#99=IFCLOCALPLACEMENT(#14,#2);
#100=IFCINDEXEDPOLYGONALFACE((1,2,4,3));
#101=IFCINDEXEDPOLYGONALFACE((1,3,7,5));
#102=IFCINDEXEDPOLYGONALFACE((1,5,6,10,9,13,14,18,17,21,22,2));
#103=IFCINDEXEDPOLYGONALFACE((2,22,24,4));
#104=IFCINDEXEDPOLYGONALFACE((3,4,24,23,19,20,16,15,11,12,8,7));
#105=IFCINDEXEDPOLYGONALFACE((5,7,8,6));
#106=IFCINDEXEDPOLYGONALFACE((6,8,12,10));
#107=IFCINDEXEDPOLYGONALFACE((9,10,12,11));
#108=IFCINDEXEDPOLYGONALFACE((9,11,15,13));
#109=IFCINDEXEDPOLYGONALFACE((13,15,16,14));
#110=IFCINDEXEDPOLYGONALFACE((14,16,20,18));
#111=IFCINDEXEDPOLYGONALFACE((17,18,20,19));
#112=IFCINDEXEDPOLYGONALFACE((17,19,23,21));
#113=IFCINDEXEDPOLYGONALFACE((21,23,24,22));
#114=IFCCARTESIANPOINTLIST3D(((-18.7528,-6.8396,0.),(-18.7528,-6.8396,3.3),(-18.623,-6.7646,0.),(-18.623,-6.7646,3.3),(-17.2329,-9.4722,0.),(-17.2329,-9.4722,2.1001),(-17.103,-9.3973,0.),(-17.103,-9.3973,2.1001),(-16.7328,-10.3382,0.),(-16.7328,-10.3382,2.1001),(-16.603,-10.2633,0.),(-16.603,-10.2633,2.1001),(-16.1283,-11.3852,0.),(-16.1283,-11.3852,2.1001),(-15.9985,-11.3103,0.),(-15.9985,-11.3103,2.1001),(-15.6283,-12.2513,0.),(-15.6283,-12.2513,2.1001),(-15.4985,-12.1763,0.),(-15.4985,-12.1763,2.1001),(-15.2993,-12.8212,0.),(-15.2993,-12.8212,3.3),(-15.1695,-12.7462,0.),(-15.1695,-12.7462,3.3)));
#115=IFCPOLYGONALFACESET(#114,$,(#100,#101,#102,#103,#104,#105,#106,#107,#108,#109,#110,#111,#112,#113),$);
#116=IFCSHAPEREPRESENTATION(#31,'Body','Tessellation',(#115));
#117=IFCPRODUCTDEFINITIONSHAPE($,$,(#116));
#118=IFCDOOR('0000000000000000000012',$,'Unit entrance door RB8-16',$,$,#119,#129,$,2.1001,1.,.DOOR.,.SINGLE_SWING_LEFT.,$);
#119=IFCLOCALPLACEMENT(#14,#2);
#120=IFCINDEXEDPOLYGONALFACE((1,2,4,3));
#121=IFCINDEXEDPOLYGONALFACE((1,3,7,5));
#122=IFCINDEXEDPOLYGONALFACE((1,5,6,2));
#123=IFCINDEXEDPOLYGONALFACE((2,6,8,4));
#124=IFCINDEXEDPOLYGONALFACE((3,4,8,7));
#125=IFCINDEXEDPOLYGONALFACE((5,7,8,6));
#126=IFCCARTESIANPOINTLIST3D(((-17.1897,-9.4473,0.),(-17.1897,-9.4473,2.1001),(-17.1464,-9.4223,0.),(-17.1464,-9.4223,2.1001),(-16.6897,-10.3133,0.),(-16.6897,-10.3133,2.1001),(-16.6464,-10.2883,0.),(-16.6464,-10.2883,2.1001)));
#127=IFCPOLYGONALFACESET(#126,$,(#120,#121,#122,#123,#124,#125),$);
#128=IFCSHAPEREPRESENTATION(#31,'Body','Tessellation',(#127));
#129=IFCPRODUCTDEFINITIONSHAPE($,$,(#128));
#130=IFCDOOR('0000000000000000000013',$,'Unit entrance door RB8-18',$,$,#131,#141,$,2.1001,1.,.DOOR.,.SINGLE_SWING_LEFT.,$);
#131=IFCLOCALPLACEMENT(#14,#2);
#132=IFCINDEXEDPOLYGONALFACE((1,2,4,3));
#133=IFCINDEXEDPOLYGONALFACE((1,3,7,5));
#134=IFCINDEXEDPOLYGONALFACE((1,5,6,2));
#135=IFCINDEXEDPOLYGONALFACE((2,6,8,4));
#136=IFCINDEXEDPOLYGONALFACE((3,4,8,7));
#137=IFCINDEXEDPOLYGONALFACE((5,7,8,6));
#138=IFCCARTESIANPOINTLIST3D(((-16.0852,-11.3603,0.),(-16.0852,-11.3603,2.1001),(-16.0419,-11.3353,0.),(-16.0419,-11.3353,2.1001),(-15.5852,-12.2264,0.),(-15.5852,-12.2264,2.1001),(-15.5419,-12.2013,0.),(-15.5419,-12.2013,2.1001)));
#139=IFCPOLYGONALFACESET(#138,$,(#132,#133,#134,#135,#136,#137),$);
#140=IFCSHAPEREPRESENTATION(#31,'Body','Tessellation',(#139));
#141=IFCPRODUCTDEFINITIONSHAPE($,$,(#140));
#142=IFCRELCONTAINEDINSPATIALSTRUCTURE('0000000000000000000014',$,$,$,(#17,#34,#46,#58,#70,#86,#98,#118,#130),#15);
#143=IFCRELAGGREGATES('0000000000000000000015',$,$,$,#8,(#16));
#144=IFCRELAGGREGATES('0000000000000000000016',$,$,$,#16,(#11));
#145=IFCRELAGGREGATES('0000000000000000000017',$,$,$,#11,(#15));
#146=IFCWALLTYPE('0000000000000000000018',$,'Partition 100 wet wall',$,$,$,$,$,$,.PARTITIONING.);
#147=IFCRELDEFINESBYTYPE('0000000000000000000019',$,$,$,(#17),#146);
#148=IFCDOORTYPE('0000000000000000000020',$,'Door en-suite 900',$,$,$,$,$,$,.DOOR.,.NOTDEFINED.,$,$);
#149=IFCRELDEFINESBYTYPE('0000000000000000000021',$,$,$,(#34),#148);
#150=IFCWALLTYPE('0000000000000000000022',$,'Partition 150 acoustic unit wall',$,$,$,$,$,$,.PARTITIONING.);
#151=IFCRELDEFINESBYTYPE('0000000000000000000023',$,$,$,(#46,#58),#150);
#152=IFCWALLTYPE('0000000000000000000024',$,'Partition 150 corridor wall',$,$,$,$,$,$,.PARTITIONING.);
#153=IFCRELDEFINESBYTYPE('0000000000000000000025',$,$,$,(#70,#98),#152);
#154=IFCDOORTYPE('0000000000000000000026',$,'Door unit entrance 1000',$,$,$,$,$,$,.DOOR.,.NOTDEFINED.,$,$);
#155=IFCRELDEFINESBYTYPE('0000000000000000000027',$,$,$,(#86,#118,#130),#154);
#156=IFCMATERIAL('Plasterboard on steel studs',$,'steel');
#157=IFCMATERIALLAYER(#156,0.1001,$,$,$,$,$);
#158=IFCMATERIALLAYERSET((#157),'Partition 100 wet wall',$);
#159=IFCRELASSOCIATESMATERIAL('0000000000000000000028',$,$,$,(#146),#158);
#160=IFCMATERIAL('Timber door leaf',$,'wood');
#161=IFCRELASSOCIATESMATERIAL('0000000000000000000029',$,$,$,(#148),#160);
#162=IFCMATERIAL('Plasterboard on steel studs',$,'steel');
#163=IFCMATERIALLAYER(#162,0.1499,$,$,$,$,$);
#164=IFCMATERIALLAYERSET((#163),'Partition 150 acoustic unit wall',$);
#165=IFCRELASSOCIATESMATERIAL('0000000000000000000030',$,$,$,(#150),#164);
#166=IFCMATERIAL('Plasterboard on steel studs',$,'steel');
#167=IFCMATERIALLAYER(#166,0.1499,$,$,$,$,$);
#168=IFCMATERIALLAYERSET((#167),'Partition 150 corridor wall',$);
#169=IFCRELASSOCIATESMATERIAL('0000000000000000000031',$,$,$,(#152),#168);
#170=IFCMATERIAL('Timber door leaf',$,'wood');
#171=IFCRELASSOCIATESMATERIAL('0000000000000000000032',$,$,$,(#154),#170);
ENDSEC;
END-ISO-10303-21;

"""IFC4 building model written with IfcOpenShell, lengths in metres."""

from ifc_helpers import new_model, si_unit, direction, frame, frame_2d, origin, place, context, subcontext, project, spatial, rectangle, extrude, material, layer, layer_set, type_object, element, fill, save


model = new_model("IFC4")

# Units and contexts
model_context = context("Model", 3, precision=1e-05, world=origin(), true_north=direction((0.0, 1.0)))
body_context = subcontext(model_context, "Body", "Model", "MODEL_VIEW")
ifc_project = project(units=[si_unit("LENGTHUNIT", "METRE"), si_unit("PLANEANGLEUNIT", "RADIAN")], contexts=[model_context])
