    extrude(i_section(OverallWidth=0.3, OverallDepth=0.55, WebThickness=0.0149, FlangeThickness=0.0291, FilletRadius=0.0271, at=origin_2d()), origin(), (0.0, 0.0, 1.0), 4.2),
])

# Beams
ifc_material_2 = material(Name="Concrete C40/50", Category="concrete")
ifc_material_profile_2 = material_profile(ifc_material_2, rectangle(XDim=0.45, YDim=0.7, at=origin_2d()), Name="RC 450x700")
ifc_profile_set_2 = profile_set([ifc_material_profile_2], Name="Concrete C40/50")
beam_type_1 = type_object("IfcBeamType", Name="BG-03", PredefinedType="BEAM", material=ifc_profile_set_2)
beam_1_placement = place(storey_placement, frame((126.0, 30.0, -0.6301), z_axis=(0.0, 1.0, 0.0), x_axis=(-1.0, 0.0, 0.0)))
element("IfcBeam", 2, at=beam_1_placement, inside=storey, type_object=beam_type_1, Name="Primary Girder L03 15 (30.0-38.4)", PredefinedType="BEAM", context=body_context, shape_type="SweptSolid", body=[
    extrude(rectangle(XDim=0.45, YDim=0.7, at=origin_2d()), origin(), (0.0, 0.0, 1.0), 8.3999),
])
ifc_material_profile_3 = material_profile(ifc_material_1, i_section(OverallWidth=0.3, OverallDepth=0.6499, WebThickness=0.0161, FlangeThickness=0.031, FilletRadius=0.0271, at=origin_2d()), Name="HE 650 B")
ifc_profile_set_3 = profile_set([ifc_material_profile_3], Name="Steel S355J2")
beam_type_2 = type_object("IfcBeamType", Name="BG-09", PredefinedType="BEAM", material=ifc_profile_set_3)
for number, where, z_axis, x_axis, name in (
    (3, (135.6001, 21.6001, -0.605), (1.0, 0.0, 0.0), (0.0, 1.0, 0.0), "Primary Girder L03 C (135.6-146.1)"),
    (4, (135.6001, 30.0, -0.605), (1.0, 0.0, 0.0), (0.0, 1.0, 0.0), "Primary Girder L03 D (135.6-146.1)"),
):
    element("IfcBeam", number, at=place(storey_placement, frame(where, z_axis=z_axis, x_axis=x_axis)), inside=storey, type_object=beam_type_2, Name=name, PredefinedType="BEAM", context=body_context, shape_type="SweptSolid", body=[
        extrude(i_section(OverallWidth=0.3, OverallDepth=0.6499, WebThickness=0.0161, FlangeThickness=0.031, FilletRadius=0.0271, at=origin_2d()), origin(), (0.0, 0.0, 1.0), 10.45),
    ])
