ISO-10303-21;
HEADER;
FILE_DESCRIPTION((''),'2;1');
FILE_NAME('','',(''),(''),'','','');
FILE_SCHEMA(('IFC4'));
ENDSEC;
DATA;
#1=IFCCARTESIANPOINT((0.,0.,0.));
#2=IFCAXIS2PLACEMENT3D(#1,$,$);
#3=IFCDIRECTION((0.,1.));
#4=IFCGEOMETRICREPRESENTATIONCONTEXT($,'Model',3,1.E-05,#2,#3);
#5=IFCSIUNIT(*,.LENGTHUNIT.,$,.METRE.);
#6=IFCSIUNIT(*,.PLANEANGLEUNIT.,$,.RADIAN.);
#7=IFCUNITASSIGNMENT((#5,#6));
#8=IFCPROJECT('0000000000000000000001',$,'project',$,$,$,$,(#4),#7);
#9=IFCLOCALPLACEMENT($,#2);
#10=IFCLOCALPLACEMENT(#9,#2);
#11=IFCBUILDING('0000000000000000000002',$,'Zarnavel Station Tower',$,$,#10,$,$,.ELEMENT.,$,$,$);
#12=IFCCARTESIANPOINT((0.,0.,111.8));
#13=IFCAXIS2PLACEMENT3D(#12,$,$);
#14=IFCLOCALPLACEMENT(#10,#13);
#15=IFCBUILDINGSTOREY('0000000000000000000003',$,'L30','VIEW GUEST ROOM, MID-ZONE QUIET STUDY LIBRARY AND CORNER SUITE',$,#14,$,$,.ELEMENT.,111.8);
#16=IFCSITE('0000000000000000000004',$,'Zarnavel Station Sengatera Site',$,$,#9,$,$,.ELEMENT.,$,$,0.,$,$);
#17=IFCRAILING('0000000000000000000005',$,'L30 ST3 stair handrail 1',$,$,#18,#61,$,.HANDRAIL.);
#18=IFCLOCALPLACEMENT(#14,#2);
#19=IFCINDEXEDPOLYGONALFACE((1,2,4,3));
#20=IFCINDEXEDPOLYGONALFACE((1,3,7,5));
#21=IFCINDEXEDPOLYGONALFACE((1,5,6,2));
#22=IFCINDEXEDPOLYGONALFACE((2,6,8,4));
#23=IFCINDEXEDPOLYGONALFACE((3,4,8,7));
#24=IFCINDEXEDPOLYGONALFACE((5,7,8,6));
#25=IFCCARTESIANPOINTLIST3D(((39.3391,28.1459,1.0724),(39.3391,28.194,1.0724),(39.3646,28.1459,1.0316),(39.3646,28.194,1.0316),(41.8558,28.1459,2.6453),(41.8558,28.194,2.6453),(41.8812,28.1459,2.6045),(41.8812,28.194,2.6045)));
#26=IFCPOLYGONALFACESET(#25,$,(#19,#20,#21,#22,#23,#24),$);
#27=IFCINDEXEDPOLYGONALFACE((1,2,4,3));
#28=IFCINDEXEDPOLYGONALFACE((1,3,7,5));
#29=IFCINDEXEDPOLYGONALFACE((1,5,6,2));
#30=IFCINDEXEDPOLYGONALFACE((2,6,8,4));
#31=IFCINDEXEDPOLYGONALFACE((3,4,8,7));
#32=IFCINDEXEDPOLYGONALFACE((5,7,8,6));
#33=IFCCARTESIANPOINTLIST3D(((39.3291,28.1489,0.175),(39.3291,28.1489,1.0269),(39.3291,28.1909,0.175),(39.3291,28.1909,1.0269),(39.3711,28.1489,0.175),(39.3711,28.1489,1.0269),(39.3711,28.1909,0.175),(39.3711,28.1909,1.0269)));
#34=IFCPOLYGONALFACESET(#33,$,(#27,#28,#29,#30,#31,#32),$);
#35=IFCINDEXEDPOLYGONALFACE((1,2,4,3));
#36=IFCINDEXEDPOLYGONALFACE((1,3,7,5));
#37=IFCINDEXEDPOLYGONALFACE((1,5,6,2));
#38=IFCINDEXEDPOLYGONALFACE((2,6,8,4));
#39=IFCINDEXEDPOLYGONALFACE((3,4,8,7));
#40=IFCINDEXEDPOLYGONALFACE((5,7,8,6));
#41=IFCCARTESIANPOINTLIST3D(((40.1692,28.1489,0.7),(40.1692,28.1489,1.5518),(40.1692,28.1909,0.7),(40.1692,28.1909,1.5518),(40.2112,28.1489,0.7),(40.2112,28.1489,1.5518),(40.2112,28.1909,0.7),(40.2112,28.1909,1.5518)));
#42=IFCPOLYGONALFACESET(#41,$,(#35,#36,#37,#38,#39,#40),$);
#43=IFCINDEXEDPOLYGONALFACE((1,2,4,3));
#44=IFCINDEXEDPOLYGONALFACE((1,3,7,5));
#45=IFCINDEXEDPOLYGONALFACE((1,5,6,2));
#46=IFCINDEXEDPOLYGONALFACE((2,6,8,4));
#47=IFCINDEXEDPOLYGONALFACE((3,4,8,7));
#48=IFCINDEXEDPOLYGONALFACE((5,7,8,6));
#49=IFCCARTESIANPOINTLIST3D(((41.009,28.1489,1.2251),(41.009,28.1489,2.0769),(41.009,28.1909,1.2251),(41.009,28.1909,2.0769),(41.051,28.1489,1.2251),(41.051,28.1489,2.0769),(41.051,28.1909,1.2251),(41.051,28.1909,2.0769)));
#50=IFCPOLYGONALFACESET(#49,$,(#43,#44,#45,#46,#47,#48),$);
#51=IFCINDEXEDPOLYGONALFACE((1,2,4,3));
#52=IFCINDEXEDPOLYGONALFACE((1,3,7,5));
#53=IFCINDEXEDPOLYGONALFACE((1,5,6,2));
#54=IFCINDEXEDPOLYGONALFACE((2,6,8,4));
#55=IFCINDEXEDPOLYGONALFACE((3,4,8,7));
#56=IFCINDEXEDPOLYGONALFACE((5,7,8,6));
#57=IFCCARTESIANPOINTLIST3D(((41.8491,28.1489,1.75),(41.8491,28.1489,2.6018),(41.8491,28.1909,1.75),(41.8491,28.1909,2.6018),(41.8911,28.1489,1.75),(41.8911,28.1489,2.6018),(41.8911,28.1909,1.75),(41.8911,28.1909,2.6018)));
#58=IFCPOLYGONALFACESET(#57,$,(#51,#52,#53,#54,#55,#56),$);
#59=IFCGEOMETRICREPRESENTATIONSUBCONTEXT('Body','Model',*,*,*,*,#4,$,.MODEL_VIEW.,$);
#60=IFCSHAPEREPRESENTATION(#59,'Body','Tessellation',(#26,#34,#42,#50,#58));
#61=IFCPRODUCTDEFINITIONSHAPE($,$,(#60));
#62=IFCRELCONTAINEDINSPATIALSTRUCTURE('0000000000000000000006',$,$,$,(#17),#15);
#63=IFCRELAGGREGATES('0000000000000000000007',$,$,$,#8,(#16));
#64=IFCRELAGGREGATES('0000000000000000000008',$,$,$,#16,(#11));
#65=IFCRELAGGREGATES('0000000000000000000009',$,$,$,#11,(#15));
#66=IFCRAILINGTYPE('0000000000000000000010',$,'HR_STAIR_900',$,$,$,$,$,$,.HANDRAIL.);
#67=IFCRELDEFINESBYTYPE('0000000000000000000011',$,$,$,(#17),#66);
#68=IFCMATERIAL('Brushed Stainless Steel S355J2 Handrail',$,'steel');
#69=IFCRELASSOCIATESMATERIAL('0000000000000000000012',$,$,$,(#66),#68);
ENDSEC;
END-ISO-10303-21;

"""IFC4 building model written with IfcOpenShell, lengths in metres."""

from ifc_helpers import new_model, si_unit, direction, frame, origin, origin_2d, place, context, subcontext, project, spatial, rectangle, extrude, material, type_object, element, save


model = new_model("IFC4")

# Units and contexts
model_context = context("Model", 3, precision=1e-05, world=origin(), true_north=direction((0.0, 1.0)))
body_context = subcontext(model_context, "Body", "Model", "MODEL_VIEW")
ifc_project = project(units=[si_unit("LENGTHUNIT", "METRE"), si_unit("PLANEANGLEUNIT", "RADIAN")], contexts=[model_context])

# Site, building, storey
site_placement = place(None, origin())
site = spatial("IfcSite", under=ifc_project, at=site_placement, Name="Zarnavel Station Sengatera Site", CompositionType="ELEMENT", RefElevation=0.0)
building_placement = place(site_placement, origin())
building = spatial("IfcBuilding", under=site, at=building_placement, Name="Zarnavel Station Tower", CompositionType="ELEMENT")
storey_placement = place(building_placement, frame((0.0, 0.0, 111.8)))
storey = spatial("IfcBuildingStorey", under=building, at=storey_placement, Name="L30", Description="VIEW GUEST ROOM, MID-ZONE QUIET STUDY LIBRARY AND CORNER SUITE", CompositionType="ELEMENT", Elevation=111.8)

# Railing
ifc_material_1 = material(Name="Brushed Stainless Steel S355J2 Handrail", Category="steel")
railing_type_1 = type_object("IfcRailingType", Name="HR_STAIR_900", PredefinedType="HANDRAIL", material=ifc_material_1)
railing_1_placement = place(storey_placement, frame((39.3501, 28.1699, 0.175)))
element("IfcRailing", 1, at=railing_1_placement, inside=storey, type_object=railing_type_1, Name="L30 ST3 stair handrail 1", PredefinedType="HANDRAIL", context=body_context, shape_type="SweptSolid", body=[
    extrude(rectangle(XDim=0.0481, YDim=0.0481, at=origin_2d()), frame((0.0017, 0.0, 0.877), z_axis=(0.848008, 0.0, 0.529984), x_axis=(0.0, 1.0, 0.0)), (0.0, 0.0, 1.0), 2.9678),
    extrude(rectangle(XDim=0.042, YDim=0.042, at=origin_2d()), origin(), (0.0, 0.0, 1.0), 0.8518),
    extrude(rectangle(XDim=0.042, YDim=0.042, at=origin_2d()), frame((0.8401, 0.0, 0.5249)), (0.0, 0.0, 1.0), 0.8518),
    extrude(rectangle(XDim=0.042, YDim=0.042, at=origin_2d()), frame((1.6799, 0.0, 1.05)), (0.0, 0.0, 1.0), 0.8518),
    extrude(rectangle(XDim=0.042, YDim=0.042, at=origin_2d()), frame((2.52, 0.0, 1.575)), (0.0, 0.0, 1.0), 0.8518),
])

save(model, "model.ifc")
---+---
YOUR GOAL ▸ Up to and including the line with "#103=IFCINDEXEDPOLYGONALFACE((2,22,24,4));", repeat the entries exactly, beginning at their first line.

WRITTEN SOLUTION ▸
#99=IFCLOCALPLACEMENT(#14,#2);
#100=IFCINDEXEDPOLYGONALFACE((1,2,4,3));
#101=IFCINDEXEDPOLYGONALFACE((1,3,7,5));
#102=IFCINDEXEDPOLYGONALFACE((1,5,6,10,9,13,14,18,17,21,22,2));
#103=IFCINDEXEDPOLYGONALFACE((2,22,24,4));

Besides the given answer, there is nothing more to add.